§ REQUIREMENT: Copy out each line of the material below with no changes.

§ MATERIAL SHOWN:
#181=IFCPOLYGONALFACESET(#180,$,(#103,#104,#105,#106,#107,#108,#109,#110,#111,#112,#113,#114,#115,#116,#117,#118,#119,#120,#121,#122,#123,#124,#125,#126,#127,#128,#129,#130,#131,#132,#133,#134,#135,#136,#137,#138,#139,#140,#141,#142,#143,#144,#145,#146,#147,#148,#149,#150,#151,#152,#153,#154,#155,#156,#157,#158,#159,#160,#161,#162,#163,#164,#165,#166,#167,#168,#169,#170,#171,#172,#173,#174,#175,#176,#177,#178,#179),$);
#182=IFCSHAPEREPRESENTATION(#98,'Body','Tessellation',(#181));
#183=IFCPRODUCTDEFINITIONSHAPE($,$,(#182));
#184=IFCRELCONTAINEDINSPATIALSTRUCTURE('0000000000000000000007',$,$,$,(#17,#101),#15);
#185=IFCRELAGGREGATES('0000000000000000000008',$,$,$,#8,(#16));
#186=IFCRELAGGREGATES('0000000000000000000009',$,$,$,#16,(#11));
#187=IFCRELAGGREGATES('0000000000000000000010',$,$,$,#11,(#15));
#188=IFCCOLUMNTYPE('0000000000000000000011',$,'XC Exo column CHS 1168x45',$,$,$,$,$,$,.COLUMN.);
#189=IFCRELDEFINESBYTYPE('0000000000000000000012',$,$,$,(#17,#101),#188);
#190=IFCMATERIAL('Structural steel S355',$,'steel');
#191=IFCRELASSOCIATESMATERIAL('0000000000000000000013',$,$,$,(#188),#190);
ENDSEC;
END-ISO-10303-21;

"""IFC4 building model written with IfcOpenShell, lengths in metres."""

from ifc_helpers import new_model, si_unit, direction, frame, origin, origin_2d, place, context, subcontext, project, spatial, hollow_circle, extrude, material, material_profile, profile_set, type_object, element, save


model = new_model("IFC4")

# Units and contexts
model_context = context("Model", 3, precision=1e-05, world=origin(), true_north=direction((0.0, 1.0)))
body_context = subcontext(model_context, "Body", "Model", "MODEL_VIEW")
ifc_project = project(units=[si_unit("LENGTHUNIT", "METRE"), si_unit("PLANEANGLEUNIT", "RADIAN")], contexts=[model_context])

§ TASK RESPONSE:
#181=IFCPOLYGONALFACESET(#180,$,(#103,#104,#105,#106,#107,#108,#109,#110,#111,#112,#113,#114,#115,#116,#117,#118,#119,#120,#121,#122,#123,#124,#125,#126,#127,#128,#129,#130,#131,#132,#133,#134,#135,#136,#137,#138,#139,#140,#141,#142,#143,#144,#145,#146,#147,#148,#149,#150,#151,#152,#153,#154,#155,#156,#157,#158,#159,#160,#161,#162,#163,#164,#165,#166,#167,#168,#169,#170,#171,#172,#173,#174,#175,#176,#177,#178,#179),$);
#182=IFCSHAPEREPRESENTATION(#98,'Body','Tessellation',(#181));
#183=IFCPRODUCTDEFINITIONSHAPE($,$,(#182));
#184=IFCRELCONTAINEDINSPATIALSTRUCTURE('0000000000000000000007',$,$,$,(#17,#101),#15);
#185=IFCRELAGGREGATES('0000000000000000000008',$,$,$,#8,(#16));
#186=IFCRELAGGREGATES('0000000000000000000009',$,$,$,#16,(#11));
#187=IFCRELAGGREGATES('0000000000000000000010',$,$,$,#11,(#15));
#188=IFCCOLUMNTYPE('0000000000000000000011',$,'XC Exo column CHS 1168x45',$,$,$,$,$,$,.COLUMN.);
#189=IFCRELDEFINESBYTYPE('0000000000000000000012',$,$,$,(#17,#101),#188);
#190=IFCMATERIAL('Structural steel S355',$,'steel');
#191=IFCRELASSOCIATESMATERIAL('0000000000000000000013',$,$,$,(#188),#190);
ENDSEC;
END-ISO-10303-21;

"""IFC4 building model written with IfcOpenShell, lengths in metres."""

from ifc_helpers import new_model, si_unit, direction, frame, origin, origin_2d, place, context, subcontext, project, spatial, hollow_circle, extrude, material, material_profile, profile_set, type_object, element, save


model = new_model("IFC4")

# Units and contexts
model_context = context("Model", 3, precision=1e-05, world=origin(), true_north=direction((0.0, 1.0)))
body_context = subcontext(model_context, "Body", "Model", "MODEL_VIEW")
ifc_project = project(units=[si_unit("LENGTHUNIT", "METRE"), si_unit("PLANEANGLEUNIT", "RADIAN")], contexts=[model_context])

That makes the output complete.